From the listing below, work out how many lines contain "IFCPRODUCTDEFINITIONSHAPE"; the answer is that number and nothing more.
——————
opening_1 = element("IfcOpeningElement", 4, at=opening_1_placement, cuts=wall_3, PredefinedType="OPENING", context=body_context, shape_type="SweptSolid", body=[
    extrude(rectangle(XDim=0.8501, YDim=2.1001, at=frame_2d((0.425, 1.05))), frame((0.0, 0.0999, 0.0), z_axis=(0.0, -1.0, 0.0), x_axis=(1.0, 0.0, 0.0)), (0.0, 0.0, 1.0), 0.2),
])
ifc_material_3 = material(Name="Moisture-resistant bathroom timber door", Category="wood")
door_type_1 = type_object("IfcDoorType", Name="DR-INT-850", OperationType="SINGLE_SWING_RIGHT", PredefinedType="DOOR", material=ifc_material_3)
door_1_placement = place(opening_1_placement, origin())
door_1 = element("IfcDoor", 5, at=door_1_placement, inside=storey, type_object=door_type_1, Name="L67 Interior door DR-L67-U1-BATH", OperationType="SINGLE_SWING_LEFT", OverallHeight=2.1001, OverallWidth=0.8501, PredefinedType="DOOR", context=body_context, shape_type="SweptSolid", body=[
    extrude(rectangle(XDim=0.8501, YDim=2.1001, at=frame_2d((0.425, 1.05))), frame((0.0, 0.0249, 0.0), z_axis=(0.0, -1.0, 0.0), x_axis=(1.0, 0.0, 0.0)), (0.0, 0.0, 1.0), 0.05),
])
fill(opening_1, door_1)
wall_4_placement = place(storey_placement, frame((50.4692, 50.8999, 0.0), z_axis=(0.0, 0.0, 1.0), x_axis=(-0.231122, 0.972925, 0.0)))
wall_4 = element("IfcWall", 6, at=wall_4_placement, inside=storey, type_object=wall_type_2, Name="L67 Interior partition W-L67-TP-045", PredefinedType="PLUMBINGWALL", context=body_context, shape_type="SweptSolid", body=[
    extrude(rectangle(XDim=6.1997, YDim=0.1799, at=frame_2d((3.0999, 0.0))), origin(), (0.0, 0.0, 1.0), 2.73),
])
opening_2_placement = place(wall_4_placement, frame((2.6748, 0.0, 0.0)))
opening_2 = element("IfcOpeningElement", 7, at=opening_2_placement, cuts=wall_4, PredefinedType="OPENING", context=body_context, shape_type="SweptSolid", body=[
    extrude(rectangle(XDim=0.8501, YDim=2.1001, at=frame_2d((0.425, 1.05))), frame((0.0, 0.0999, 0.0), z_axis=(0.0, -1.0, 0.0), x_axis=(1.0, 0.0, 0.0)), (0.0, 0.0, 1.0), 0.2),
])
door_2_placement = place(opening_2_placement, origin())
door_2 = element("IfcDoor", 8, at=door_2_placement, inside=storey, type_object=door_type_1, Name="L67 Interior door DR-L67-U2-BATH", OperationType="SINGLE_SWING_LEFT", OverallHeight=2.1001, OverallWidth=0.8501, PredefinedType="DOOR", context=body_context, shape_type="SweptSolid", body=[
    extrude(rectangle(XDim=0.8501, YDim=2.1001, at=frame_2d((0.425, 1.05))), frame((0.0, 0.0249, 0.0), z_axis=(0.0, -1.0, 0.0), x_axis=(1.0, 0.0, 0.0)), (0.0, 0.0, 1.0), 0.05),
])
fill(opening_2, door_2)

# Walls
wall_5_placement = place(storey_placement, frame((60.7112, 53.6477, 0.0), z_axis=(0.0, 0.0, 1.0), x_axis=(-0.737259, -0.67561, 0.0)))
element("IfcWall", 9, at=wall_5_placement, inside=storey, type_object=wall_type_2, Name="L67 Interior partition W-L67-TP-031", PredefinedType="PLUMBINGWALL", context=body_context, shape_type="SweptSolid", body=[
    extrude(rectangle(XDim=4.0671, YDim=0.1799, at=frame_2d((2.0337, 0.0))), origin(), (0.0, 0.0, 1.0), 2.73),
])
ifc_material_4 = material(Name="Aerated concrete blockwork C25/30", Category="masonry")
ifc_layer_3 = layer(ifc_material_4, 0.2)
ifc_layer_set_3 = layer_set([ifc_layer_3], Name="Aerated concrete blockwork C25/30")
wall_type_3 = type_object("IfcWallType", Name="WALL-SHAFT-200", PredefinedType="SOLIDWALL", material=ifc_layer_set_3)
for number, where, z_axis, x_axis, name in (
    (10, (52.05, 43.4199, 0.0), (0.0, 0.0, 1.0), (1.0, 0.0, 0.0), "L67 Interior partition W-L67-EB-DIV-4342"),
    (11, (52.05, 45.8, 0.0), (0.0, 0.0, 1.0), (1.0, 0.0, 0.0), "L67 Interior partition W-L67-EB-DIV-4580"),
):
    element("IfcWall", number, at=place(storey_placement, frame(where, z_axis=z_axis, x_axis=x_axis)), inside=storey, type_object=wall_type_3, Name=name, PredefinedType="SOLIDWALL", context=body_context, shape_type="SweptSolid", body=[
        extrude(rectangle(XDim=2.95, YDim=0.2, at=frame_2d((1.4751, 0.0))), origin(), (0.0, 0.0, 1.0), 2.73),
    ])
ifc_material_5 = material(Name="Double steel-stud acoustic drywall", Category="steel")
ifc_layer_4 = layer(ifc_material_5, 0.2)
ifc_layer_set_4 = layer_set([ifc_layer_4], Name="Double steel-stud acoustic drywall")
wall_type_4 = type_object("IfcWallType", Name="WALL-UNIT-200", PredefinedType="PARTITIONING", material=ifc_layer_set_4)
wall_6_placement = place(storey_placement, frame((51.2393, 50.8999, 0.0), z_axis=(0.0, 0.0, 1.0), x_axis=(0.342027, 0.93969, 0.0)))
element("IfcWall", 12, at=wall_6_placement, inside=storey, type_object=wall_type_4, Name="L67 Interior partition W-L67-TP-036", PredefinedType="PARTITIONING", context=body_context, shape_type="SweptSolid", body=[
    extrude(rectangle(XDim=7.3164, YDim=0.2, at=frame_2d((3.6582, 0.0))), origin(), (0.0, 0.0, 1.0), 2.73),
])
——————
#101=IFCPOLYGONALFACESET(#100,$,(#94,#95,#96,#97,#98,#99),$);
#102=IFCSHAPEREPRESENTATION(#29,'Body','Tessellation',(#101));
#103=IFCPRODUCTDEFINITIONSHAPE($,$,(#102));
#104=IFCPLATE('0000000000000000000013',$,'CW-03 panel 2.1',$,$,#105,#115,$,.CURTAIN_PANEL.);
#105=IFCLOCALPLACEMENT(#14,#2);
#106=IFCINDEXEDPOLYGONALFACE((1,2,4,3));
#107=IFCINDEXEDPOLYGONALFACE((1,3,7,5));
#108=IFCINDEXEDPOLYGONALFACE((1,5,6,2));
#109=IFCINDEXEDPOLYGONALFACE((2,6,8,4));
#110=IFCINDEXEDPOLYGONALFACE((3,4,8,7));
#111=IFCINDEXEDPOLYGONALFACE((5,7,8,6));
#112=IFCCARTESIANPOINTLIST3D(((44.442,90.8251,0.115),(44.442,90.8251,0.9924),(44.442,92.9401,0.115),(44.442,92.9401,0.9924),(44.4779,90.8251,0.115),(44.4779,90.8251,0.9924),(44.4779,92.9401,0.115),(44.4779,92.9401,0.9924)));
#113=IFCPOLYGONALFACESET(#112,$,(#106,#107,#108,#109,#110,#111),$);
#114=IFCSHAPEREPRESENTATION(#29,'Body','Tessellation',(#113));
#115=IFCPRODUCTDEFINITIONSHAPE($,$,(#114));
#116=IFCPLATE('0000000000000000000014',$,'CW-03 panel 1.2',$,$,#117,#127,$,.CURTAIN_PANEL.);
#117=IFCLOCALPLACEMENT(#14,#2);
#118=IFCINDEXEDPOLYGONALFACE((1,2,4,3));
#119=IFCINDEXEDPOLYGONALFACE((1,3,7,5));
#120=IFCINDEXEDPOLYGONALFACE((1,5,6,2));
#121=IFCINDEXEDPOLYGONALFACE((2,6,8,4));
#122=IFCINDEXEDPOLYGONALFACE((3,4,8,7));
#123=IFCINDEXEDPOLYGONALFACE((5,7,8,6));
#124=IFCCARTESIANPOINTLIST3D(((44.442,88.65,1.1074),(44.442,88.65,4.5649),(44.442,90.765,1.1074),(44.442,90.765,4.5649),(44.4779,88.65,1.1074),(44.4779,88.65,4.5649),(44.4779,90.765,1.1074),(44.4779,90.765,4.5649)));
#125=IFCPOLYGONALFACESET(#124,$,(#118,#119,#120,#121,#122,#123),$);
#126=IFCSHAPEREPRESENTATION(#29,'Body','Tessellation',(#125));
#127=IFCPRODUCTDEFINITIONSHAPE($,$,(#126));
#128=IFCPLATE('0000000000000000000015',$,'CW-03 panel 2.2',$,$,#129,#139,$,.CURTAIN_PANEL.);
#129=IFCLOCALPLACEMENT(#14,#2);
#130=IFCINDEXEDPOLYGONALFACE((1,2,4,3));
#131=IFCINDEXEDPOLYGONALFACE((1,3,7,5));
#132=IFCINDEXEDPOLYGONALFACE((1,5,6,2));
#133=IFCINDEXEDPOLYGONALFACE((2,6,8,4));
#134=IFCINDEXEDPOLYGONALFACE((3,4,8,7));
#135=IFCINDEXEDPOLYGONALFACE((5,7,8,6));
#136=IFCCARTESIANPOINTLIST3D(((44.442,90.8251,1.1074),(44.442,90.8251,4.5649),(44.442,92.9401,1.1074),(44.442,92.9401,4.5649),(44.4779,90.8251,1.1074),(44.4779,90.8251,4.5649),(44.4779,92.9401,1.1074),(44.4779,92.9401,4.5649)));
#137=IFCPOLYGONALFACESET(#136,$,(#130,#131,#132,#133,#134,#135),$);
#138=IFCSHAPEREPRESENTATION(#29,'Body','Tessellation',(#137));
——————
→ **SOLVED EXERCISE**
3